How to complete this task
Scan the records below for the line containing "#69=IFCRELAGGREGATES('0000000000000000000010',$,$,$,#8,(#14));" and the line containing "END-ISO-10303-21;". Copy both, plus every line between, exactly.

Collected data entries:

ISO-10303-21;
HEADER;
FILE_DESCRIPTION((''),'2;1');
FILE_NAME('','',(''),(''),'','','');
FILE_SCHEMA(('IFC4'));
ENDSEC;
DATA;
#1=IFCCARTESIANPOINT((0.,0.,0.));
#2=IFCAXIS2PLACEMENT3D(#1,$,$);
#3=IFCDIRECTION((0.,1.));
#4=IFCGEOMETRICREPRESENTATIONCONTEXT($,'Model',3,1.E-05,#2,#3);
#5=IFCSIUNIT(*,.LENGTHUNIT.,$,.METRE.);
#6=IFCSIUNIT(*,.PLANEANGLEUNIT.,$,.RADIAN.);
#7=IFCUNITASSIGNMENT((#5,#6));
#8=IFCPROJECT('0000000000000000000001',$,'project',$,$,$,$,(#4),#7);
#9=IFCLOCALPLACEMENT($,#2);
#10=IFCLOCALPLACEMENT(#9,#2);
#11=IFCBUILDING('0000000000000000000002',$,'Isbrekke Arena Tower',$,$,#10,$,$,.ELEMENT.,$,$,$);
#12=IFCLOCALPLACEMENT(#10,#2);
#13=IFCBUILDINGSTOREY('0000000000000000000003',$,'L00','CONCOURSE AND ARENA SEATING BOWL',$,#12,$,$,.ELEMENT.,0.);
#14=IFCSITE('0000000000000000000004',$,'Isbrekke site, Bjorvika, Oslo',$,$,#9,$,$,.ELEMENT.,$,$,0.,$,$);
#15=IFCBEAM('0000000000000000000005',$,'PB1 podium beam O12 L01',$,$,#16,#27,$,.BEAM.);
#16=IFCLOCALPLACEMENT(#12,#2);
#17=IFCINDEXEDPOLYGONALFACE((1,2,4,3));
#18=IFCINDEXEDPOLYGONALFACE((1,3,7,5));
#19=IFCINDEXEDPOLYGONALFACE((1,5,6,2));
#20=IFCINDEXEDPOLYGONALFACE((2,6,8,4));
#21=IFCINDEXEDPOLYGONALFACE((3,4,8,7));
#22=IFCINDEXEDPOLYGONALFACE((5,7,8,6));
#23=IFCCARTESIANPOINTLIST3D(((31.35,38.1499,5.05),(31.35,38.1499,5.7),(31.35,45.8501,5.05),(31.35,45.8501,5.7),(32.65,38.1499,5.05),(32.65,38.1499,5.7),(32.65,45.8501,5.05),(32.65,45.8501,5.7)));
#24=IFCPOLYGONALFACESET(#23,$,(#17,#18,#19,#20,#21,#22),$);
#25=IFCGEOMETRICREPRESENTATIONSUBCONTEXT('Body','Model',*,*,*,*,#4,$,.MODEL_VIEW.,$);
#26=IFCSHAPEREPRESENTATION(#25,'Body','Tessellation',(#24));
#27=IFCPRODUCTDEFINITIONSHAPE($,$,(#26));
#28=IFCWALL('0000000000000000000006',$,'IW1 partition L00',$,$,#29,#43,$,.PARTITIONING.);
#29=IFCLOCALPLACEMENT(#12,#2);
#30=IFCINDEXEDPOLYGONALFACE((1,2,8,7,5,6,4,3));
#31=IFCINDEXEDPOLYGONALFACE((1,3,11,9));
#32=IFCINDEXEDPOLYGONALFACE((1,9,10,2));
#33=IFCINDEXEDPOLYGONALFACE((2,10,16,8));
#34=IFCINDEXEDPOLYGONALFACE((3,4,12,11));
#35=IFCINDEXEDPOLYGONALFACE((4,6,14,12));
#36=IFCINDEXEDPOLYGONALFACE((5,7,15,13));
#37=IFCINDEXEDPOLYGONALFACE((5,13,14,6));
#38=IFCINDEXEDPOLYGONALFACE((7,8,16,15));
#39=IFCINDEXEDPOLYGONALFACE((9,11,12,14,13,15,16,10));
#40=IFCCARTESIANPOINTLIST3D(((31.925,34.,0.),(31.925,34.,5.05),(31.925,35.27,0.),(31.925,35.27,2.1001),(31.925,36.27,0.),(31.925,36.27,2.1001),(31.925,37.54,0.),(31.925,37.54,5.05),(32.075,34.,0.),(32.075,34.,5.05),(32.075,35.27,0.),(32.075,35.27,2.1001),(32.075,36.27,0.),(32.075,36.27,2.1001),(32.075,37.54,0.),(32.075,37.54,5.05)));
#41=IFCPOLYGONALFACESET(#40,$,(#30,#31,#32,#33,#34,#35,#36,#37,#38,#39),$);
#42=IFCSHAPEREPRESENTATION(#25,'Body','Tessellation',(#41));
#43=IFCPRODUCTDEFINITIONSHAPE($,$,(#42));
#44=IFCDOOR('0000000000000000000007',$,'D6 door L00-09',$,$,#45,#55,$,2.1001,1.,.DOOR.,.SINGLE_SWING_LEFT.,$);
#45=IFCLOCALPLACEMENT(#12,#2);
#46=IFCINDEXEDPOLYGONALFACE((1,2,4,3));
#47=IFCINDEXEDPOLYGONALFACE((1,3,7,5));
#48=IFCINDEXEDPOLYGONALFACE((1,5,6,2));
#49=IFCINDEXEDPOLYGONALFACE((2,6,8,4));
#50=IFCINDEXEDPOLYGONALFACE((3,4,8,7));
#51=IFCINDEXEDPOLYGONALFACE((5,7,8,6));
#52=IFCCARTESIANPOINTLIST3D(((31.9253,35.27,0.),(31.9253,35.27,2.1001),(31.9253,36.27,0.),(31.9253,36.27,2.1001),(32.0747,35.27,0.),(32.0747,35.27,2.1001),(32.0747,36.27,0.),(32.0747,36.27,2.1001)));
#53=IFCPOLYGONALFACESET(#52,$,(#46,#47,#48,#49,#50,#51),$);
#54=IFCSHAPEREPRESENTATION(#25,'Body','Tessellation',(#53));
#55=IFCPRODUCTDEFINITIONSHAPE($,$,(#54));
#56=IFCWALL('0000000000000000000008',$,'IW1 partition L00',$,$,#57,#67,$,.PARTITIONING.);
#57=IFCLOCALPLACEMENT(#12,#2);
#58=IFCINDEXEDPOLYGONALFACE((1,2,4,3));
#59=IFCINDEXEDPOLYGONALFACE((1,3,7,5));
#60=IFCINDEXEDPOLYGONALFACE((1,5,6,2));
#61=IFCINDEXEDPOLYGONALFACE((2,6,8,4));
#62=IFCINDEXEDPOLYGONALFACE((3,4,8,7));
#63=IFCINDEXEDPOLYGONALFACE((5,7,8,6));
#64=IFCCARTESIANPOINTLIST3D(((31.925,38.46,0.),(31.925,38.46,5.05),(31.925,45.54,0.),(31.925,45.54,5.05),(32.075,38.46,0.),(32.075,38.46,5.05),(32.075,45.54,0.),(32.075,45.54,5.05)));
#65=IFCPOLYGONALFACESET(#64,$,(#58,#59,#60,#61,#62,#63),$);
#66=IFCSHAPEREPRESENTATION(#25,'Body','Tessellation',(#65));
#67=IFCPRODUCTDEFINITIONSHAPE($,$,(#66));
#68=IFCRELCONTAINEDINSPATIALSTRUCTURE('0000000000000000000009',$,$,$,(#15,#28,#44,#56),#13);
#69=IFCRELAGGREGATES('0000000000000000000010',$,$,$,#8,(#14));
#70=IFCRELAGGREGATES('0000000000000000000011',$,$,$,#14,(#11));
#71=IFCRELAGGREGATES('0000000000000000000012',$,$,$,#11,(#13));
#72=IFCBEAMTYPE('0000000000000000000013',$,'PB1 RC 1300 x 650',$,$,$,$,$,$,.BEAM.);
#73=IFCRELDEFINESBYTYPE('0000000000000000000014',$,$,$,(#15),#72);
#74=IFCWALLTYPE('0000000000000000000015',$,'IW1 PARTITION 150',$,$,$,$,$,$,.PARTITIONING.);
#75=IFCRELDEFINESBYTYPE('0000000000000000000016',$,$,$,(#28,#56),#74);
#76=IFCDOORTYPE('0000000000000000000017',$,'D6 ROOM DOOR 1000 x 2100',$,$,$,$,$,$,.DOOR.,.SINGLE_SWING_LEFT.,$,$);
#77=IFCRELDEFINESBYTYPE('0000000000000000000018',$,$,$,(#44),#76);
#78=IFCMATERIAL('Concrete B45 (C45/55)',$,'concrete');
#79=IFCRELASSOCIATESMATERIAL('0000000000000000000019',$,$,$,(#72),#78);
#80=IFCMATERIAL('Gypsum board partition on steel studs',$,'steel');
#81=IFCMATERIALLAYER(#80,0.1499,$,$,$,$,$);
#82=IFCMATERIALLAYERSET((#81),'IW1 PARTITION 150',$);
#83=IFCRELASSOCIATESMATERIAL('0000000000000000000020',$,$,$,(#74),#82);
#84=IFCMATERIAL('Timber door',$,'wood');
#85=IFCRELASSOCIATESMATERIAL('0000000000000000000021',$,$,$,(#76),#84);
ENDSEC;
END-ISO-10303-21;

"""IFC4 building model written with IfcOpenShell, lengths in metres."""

from ifc_helpers import new_model, si_unit, direction, frame, frame_2d, origin, origin_2d, place, context, subcontext, project, spatial, rectangle, extrude, material, layer, layer_set, material_profile, profile_set, type_object, element, fill, save


model = new_model("IFC4")

# Units and contexts
model_context = context("Model", 3, precision=1e-05, world=origin(), true_north=direction((0.0, 1.0)))
body_context = subcontext(model_context, "Body", "Model", "MODEL_VIEW")
ifc_project = project(units=[si_unit("LENGTHUNIT", "METRE"), si_unit("PLANEANGLEUNIT", "RADIAN")], contexts=[model_context])

# Site, building, storey
site_placement = place(None, origin())
site = spatial("IfcSite", under=ifc_project, at=site_placement, Name="Isbrekke site, Bjorvika, Oslo", CompositionType="ELEMENT", RefElevation=0.0)
building_placement = place(site_placement, origin())
building = spatial("IfcBuilding", under=site, at=building_placement, Name="Isbrekke Arena Tower", CompositionType="ELEMENT")
storey_placement = place(building_placement, origin())
storey = spatial("IfcBuildingStorey", under=building, at=storey_placement, Name="L00", Description="CONCOURSE AND ARENA SEATING BOWL", CompositionType="ELEMENT", Elevation=0.0)

# Beam
ifc_material_1 = material(Name="Concrete B45 (C45/55)", Category="concrete")
ifc_material_profile_1 = material_profile(ifc_material_1, rectangle(XDim=1.3, YDim=0.6499, at=origin_2d()), Name="RC 1300x650")
ifc_profile_set_1 = profile_set([ifc_material_profile_1], Name="Concrete B45 (C45/55)")
beam_type = type_object("IfcBeamType", Name="PB1 RC 1300 x 650", PredefinedType="BEAM", material=ifc_profile_set_1)
for number, where, z_axis, x_axis, name in (
    (1, (32.0, 38.1499, 5.375), (0.0, 1.0, 0.0), (-1.0, 0.0, 0.0), "PB1 podium beam O12 L01"),
):
    element("IfcBeam", number, at=place(storey_placement, frame(where, z_axis=z_axis, x_axis=x_axis)), inside=storey, type_object=beam_type, Name=name, PredefinedType="BEAM", context=body_context, shape_type="SweptSolid", body=[
        extrude(rectangle(XDim=1.3, YDim=0.6499, at=origin_2d()), origin(), (0.0, 0.0, 1.0), 7.7002),
    ])

# Wall, opening, door
ifc_material_2 = material(Name="Gypsum board partition on steel studs", Category="steel")
ifc_layer = layer(ifc_material_2, 0.1499)
ifc_layer_set = layer_set([ifc_layer], Name="IW1 PARTITION 150")
wall_type = type_object("IfcWallType", Name="IW1 PARTITION 150", PredefinedType="PARTITIONING", material=ifc_layer_set)
wall_1_placement = place(storey_placement, frame((32.0, 34.0, 0.0), z_axis=(0.0, 0.0, 1.0), x_axis=(0.0, 1.0, 0.0)))
wall_1 = element("IfcWall", 2, at=wall_1_placement, inside=storey, type_object=wall_type, Name="IW1 partition L00", PredefinedType="PARTITIONING", context=body_context, shape_type="SweptSolid", body=[
    extrude(rectangle(XDim=3.54, YDim=0.1499, at=frame_2d((1.77, 0.0))), origin(), (0.0, 0.0, 1.0), 5.05),
])
opening_placement = place(wall_1_placement, frame((1.27, 0.0, 0.0)))
opening = element("IfcOpeningElement", 3, at=opening_placement, cuts=wall_1, PredefinedType="OPENING", context=body_context, shape_type="SweptSolid", body=[
    extrude(rectangle(XDim=1.0, YDim=2.1001, at=frame_2d((0.5, 1.05))), frame((0.0, 0.0898, 0.0), z_axis=(0.0, -1.0, 0.0), x_axis=(1.0, 0.0, 0.0)), (0.0, 0.0, 1.0), 0.1797),
])
ifc_material_3 = material(Name="Timber door", Category="wood")
door_type = type_object("IfcDoorType", Name="D6 ROOM DOOR 1000 x 2100", OperationType="SINGLE_SWING_LEFT", PredefinedType="DOOR", material=ifc_material_3)
door_placement = place(opening_placement, origin())
door = element("IfcDoor", 4, at=door_placement, inside=storey, type_object=door_type, Name="D6 door L00-09", OperationType="SINGLE_SWING_LEFT", OverallHeight=2.1001, OverallWidth=1.0, PredefinedType="DOOR", context=body_context, shape_type="SweptSolid", body=[
    extrude(rectangle(XDim=1.0, YDim=2.1001, at=frame_2d((0.5, 1.05))), frame((0.0, 0.0747, 0.0), z_axis=(0.0, -1.0, 0.0), x_axis=(1.0, 0.0, 0.0)), (0.0, 0.0, 1.0), 0.1494),
])
fill(opening, door)

# Wall
wall_2_placement = place(storey_placement, frame((32.0, 38.46, 0.0), z_axis=(0.0, 0.0, 1.0), x_axis=(0.0, 1.0, 0.0)))
element("IfcWall", 5, at=wall_2_placement, inside=storey, type_object=wall_type, Name="IW1 partition L00", PredefinedType="PARTITIONING", context=body_context, shape_type="SweptSolid", body=[
    extrude(rectangle(XDim=7.0801, YDim=0.1499, at=frame_2d((3.54, 0.0))), origin(), (0.0, 0.0, 1.0), 5.05),
])

save(model, "model.ifc")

Output for this task
#69=IFCRELAGGREGATES('0000000000000000000010',$,$,$,#8,(#14));
#70=IFCRELAGGREGATES('0000000000000000000011',$,$,$,#14,(#11));
#71=IFCRELAGGREGATES('0000000000000000000012',$,$,$,#11,(#13));
#72=IFCBEAMTYPE('0000000000000000000013',$,'PB1 RC 1300 x 650',$,$,$,$,$,$,.BEAM.);
#73=IFCRELDEFINESBYTYPE('0000000000000000000014',$,$,$,(#15),#72);
#74=IFCWALLTYPE('0000000000000000000015',$,'IW1 PARTITION 150',$,$,$,$,$,$,.PARTITIONING.);
#75=IFCRELDEFINESBYTYPE('0000000000000000000016',$,$,$,(#28,#56),#74);
#76=IFCDOORTYPE('0000000000000000000017',$,'D6 ROOM DOOR 1000 x 2100',$,$,$,$,$,$,.DOOR.,.SINGLE_SWING_LEFT.,$,$);
#77=IFCRELDEFINESBYTYPE('0000000000000000000018',$,$,$,(#44),#76);
#78=IFCMATERIAL('Concrete B45 (C45/55)',$,'concrete');
#79=IFCRELASSOCIATESMATERIAL('0000000000000000000019',$,$,$,(#72),#78);
#80=IFCMATERIAL('Gypsum board partition on steel studs',$,'steel');
#81=IFCMATERIALLAYER(#80,0.1499,$,$,$,$,$);
#82=IFCMATERIALLAYERSET((#81),'IW1 PARTITION 150',$);
#83=IFCRELASSOCIATESMATERIAL('0000000000000000000020',$,$,$,(#74),#82);
#84=IFCMATERIAL('Timber door',$,'wood');
#85=IFCRELASSOCIATESMATERIAL('0000000000000000000021',$,$,$,(#76),#84);
ENDSEC;
END-ISO-10303-21;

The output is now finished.